→ WHAT IS REQUIRED
Search the records for lines with the word "aggregate" and copy each match.

→ Items from a dataset
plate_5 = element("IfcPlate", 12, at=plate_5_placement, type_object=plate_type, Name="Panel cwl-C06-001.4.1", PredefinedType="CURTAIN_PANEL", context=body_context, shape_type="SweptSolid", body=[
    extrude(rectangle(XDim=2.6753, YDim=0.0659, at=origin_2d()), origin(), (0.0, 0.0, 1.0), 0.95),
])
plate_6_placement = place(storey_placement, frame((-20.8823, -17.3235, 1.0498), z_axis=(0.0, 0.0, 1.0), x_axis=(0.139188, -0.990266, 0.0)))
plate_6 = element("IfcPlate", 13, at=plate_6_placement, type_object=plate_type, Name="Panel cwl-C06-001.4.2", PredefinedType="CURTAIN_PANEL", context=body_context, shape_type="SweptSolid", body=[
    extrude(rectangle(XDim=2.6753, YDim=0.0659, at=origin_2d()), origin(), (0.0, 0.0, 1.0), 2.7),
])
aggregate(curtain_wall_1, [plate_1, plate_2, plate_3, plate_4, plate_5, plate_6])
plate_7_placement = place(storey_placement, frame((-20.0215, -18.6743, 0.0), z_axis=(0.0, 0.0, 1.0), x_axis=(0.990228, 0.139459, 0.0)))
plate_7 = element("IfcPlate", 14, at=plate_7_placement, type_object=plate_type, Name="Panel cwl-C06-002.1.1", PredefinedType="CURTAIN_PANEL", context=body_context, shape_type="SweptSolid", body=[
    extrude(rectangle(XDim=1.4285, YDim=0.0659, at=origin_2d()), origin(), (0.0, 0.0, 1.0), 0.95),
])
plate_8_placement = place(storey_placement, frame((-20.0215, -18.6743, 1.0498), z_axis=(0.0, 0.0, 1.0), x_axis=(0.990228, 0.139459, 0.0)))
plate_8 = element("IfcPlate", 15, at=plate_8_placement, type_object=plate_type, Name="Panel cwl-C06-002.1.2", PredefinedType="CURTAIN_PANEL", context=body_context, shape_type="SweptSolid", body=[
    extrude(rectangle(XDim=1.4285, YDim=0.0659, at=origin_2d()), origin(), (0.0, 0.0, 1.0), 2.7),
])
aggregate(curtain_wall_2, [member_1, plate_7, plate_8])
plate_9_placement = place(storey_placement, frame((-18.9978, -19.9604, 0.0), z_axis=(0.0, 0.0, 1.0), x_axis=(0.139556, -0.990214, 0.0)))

→ RESULT OF THE EXERCISE
aggregate(curtain_wall_1, [plate_1, plate_2, plate_3, plate_4, plate_5, plate_6])
aggregate(curtain_wall_2, [member_1, plate_7, plate_8])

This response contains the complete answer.